*WHAT IS BEING ASKED*: Search through the entries for the word "Body" and copy every line that has it.

[Start of Attachment]

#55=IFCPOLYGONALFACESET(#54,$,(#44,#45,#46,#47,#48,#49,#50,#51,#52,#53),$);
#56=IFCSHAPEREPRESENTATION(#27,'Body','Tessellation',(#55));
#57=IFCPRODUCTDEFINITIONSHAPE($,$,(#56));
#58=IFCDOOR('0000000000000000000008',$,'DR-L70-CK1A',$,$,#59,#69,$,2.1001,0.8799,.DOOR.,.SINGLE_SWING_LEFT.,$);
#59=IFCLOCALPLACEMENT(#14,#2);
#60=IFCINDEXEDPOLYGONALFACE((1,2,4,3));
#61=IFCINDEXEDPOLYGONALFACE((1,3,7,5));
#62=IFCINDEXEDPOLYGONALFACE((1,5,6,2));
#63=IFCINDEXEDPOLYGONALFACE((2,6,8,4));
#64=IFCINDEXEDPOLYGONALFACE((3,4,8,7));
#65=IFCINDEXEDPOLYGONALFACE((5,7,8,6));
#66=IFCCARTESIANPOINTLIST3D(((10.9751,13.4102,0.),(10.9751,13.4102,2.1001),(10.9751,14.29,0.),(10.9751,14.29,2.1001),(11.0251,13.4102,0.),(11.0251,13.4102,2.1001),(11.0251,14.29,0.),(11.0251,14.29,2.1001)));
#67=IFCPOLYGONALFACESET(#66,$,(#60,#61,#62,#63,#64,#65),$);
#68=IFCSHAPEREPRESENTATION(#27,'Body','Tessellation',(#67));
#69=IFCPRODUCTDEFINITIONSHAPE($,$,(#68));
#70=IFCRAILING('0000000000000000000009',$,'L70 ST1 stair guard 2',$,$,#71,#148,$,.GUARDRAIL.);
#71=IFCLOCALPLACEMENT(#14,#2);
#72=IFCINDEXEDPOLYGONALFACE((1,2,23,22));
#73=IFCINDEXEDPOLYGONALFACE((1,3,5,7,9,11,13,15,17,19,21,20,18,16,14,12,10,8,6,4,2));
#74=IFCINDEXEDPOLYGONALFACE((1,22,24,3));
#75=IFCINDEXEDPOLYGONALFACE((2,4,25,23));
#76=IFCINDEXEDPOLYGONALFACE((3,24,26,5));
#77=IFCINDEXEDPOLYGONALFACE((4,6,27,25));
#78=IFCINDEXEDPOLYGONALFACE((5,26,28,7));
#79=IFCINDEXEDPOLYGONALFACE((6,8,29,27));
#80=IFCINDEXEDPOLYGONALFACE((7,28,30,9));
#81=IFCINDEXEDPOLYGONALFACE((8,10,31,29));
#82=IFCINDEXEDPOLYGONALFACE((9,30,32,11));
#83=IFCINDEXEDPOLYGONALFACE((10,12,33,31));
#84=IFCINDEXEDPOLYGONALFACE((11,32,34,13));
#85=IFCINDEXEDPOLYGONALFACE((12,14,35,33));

[End of Attachment]

*SOLUTION BELOW*:
#56=IFCSHAPEREPRESENTATION(#27,'Body','Tessellation',(#55));
#68=IFCSHAPEREPRESENTATION(#27,'Body','Tessellation',(#67));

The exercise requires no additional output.